Every line of the entries with the word "IFCPOLYGONALFACESET" in it should be shown.

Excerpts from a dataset
+ + + + + + +

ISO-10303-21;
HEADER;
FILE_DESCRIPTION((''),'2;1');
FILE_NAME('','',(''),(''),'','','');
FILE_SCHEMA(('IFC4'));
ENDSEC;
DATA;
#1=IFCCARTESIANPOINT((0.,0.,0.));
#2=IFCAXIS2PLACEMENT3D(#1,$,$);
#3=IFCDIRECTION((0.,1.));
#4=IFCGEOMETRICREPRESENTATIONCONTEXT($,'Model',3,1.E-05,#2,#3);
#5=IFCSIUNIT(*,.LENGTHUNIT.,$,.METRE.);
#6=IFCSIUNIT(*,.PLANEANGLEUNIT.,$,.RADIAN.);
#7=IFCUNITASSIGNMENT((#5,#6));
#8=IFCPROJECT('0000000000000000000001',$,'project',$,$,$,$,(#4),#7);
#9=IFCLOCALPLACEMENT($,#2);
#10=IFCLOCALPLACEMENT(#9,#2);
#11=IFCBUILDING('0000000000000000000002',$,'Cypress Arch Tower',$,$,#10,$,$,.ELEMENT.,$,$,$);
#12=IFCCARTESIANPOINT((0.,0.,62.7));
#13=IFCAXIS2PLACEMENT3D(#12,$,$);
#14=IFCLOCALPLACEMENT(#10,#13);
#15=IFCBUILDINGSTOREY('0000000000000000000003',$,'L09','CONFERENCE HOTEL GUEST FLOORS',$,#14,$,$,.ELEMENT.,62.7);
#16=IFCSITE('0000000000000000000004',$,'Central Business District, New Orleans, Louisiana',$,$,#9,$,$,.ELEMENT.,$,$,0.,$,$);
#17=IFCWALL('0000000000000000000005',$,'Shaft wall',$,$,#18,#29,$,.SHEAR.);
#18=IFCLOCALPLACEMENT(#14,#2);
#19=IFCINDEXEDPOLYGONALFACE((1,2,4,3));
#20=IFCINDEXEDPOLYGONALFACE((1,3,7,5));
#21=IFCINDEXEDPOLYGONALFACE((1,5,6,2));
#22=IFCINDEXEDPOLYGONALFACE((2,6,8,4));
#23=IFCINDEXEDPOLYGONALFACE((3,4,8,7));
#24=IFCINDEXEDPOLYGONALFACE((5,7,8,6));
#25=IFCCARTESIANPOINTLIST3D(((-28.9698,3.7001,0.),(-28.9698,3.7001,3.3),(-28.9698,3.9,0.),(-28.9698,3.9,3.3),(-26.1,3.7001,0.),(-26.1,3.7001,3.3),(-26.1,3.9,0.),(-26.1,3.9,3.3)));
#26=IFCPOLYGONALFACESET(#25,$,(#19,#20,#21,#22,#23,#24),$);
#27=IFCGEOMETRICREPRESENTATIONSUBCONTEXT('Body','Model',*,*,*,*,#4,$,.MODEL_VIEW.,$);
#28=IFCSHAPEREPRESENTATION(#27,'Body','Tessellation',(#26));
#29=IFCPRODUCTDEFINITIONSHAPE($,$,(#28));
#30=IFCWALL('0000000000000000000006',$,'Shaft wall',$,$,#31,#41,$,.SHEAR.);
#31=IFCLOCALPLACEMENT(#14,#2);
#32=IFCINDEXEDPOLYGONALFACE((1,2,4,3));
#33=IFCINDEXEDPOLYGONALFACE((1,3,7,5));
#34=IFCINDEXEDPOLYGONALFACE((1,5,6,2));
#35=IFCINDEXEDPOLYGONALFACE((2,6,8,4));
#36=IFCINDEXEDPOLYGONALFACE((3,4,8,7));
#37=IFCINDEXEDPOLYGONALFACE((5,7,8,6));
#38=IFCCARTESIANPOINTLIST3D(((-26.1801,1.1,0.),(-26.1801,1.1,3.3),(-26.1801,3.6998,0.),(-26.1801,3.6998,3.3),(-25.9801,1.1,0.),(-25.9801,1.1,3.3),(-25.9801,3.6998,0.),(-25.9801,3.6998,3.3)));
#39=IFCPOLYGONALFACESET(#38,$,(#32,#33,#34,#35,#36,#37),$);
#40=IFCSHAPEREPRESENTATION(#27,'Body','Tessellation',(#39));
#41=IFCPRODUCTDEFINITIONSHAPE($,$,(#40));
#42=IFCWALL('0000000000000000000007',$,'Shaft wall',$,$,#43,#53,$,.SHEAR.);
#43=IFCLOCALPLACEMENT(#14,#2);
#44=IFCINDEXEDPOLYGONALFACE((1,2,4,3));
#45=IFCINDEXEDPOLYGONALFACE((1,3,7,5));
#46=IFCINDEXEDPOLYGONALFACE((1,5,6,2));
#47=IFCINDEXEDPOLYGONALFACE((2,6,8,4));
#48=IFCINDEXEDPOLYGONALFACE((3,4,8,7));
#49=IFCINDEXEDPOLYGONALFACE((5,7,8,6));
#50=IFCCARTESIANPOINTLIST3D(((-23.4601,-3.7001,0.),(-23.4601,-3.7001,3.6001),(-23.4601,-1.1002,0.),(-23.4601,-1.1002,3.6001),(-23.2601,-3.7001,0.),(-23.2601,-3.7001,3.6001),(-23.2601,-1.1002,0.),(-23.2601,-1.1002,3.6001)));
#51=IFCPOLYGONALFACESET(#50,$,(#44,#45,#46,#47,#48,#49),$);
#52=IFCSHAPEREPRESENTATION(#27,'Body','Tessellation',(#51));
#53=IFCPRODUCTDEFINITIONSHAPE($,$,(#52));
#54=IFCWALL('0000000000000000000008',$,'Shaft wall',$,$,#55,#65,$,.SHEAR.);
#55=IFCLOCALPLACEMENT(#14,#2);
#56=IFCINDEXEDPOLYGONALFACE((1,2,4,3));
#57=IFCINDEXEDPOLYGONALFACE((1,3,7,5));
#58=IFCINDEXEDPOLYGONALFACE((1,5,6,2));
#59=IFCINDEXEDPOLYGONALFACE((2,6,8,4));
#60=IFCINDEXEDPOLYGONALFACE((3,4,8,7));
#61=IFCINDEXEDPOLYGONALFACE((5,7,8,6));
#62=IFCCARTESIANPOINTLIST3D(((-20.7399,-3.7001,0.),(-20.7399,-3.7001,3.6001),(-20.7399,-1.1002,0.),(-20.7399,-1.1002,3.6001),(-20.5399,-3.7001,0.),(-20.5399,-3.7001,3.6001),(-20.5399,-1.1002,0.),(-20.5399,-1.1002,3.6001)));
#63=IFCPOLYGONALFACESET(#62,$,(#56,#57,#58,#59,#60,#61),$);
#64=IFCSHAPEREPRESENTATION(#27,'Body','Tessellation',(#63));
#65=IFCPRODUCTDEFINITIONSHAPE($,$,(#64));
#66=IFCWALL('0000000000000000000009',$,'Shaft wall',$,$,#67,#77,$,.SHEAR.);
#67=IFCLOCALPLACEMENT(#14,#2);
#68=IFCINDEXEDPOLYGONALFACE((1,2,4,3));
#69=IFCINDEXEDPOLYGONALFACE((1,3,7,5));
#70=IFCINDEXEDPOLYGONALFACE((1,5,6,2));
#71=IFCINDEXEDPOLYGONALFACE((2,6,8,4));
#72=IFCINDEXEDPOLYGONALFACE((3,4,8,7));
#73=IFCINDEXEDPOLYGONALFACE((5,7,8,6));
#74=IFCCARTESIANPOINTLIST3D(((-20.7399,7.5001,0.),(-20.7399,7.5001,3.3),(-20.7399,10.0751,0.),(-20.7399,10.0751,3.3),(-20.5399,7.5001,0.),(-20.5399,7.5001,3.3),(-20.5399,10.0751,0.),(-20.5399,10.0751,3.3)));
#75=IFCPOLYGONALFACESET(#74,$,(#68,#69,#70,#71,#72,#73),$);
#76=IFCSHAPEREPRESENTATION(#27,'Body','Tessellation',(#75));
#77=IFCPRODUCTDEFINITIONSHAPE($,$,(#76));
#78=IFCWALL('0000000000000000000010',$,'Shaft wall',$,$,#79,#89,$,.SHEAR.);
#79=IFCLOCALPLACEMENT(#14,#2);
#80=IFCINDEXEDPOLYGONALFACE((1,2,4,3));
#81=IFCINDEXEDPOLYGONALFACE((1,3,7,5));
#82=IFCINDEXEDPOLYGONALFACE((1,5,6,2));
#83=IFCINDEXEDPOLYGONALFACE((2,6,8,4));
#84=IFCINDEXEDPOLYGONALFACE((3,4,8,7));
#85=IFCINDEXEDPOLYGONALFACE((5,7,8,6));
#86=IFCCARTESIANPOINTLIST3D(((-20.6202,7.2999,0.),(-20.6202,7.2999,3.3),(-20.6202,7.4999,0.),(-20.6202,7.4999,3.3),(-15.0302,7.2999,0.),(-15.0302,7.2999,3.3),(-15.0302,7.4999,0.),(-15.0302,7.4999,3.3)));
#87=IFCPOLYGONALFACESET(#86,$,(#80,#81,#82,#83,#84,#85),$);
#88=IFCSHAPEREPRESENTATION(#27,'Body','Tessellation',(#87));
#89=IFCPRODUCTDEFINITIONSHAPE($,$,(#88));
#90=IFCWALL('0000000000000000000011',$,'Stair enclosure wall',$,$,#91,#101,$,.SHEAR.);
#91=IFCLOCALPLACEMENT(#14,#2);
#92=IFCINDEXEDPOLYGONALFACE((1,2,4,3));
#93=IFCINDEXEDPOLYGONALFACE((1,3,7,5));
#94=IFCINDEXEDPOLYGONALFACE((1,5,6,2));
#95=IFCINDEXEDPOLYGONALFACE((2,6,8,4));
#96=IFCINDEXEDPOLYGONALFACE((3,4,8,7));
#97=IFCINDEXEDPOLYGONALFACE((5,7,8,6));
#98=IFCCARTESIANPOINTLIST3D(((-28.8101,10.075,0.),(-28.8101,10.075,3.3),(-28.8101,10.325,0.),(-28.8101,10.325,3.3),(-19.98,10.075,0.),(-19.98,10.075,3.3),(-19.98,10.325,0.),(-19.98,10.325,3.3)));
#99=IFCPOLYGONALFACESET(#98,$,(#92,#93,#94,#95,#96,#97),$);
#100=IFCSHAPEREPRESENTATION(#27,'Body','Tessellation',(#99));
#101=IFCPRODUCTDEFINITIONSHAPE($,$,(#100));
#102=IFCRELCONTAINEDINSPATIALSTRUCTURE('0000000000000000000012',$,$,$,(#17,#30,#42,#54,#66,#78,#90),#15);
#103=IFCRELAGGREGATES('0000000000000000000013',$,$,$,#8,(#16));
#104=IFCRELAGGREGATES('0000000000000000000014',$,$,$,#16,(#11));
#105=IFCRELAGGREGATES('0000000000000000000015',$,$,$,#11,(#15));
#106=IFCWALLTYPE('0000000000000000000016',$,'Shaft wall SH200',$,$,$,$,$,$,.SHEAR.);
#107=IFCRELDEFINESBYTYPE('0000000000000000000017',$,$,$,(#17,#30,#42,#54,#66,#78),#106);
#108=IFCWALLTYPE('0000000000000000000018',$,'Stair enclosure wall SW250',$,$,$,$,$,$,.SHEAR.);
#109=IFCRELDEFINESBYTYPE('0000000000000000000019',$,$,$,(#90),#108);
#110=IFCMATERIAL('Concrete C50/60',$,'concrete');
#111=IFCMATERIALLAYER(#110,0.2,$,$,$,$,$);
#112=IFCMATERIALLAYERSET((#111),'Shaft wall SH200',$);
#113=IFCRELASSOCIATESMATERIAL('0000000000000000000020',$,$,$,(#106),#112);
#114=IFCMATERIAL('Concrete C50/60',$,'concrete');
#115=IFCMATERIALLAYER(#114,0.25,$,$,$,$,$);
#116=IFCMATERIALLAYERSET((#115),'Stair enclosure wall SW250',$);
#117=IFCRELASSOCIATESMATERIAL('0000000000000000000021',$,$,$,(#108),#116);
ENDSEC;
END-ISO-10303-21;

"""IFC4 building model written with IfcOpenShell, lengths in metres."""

from ifc_helpers import new_model, si_unit, direction, frame, frame_2d, origin, place, context, subcontext, project, spatial, rectangle, extrude, material, layer, layer_set, type_object, element, save


model = new_model("IFC4")

# Units and contexts
model_context = context("Model", 3, precision=1e-05, world=origin(), true_north=direction((0.0, 1.0)))
body_context = subcontext(model_context, "Body", "Model", "MODEL_VIEW")
ifc_project = project(units=[si_unit("LENGTHUNIT", "METRE"), si_unit("PLANEANGLEUNIT", "RADIAN")], contexts=[model_context])

# Site, building, storey
site_placement = place(None, origin())
site = spatial("IfcSite", under=ifc_project, at=site_placement, Name="Central Business District, New Orleans, Louisiana", CompositionType="ELEMENT", RefElevation=0.0)
building_placement = place(site_placement, origin())
building = spatial("IfcBuilding", under=site, at=building_placement, Name="Cypress Arch Tower", CompositionType="ELEMENT")
storey_placement = place(building_placement, frame((0.0, 0.0, 62.7)))
storey = spatial("IfcBuildingStorey", under=building, at=storey_placement, Name="L09", Description="CONFERENCE HOTEL GUEST FLOORS", CompositionType="ELEMENT", Elevation=62.7)

# Walls
ifc_material_1 = material(Name="Concrete C50/60", Category="concrete")
ifc_layer_1 = layer(ifc_material_1, 0.2)
ifc_layer_set_1 = layer_set([ifc_layer_1], Name="Shaft wall SH200")
wall_type_1 = type_object("IfcWallType", Name="Shaft wall SH200", PredefinedType="SHEAR", material=ifc_layer_set_1)
for number, where, z_axis, x_axis, name in (
    (1, (-28.97, 3.8, 0.0), (0.0, 0.0, 1.0), (1.0, 0.0, 0.0), "Shaft wall"),
):
    element("IfcWall", number, at=place(storey_placement, frame(where, z_axis=z_axis, x_axis=x_axis)), inside=storey, type_object=wall_type_1, Name=name, PredefinedType="SHEAR", context=body_context, shape_type="SweptSolid", body=[
        extrude(rectangle(XDim=2.8699, YDim=0.2, at=frame_2d((1.4351, 0.0))), origin(), (0.0, 0.0, 1.0), 3.3),
    ])
wall_1_placement = place(storey_placement, frame((-26.0801, 1.1001, 0.0), z_axis=(0.0, 0.0, 1.0), x_axis=(0.0, 1.0, 0.0)))
element("IfcWall", 2, at=wall_1_placement, inside=storey, type_object=wall_type_1, Name="Shaft wall", PredefinedType="SHEAR", context=body_context, shape_type="SweptSolid", body=[
    extrude(rectangle(XDim=2.5999, YDim=0.2, at=frame_2d((1.2998, 0.0))), origin(), (0.0, 0.0, 1.0), 3.3),
])
for number, where, z_axis, x_axis, name in (
    (3, (-23.3601, -3.7, 0.0), (0.0, 0.0, 1.0), (0.0, 1.0, 0.0), "Shaft wall"),
    (4, (-20.6399, -3.7, 0.0), (0.0, 0.0, 1.0), (0.0, 1.0, 0.0), "Shaft wall"),
):
    element("IfcWall", number, at=place(storey_placement, frame(where, z_axis=z_axis, x_axis=x_axis)), inside=storey, type_object=wall_type_1, Name=name, PredefinedType="SHEAR", context=body_context, shape_type="SweptSolid", body=[
        extrude(rectangle(XDim=2.5999, YDim=0.2, at=frame_2d((1.2998, 0.0))), origin(), (0.0, 0.0, 1.0), 3.6001),
    ])
wall_2_placement = place(storey_placement, frame((-20.6399, 7.5, 0.0), z_axis=(0.0, 0.0, 1.0), x_axis=(0.0, 1.0, 0.0)))
element("IfcWall", 5, at=wall_2_placement, inside=storey, type_object=wall_type_1, Name="Shaft wall", PredefinedType="SHEAR", context=body_context, shape_type="SweptSolid", body=[
    extrude(rectangle(XDim=2.575, YDim=0.2, at=frame_2d((1.2876, 0.0))), origin(), (0.0, 0.0, 1.0), 3.3),
])
wall_3_placement = place(storey_placement, frame((-20.6201, 7.3999, 0.0), z_axis=(0.0, 0.0, 1.0), x_axis=(1.0, 0.0, 0.0)))
element("IfcWall", 6, at=wall_3_placement, inside=storey, type_object=wall_type_1, Name="Shaft wall", PredefinedType="SHEAR", context=body_context, shape_type="SweptSolid", body=[
    extrude(rectangle(XDim=5.5901, YDim=0.2, at=frame_2d((2.7949, 0.0))), origin(), (0.0, 0.0, 1.0), 3.3),
])
ifc_material_2 = material(Name="Concrete C50/60", Category="concrete")
ifc_layer_2 = layer(ifc_material_2, 0.25)
ifc_layer_set_2 = layer_set([ifc_layer_2], Name="Stair enclosure wall SW250")
wall_type_2 = type_object("IfcWallType", Name="Stair enclosure wall SW250", PredefinedType="SHEAR", material=ifc_layer_set_2)
wall_4_placement = place(storey_placement, frame((-28.8101, 10.2, 0.0), z_axis=(0.0, 0.0, 1.0), x_axis=(1.0, 0.0, 0.0)))
element("IfcWall", 7, at=wall_4_placement, inside=storey, type_object=wall_type_2, Name="Stair enclosure wall", PredefinedType="SHEAR", context=body_context, shape_type="SweptSolid", body=[
    extrude(rectangle(XDim=8.8301, YDim=0.25, at=frame_2d((4.415, 0.0))), origin(), (0.0, 0.0, 1.0), 3.3),
])

save(model, "model.ifc")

+ + + + + + +

* _Exercise output_:
#26=IFCPOLYGONALFACESET(#25,$,(#19,#20,#21,#22,#23,#24),$);
#39=IFCPOLYGONALFACESET(#38,$,(#32,#33,#34,#35,#36,#37),$);
#51=IFCPOLYGONALFACESET(#50,$,(#44,#45,#46,#47,#48,#49),$);
#63=IFCPOLYGONALFACESET(#62,$,(#56,#57,#58,#59,#60,#61),$);
#75=IFCPOLYGONALFACESET(#74,$,(#68,#69,#70,#71,#72,#73),$);
#87=IFCPOLYGONALFACESET(#86,$,(#80,#81,#82,#83,#84,#85),$);
#99=IFCPOLYGONALFACESET(#98,$,(#92,#93,#94,#95,#96,#97),$);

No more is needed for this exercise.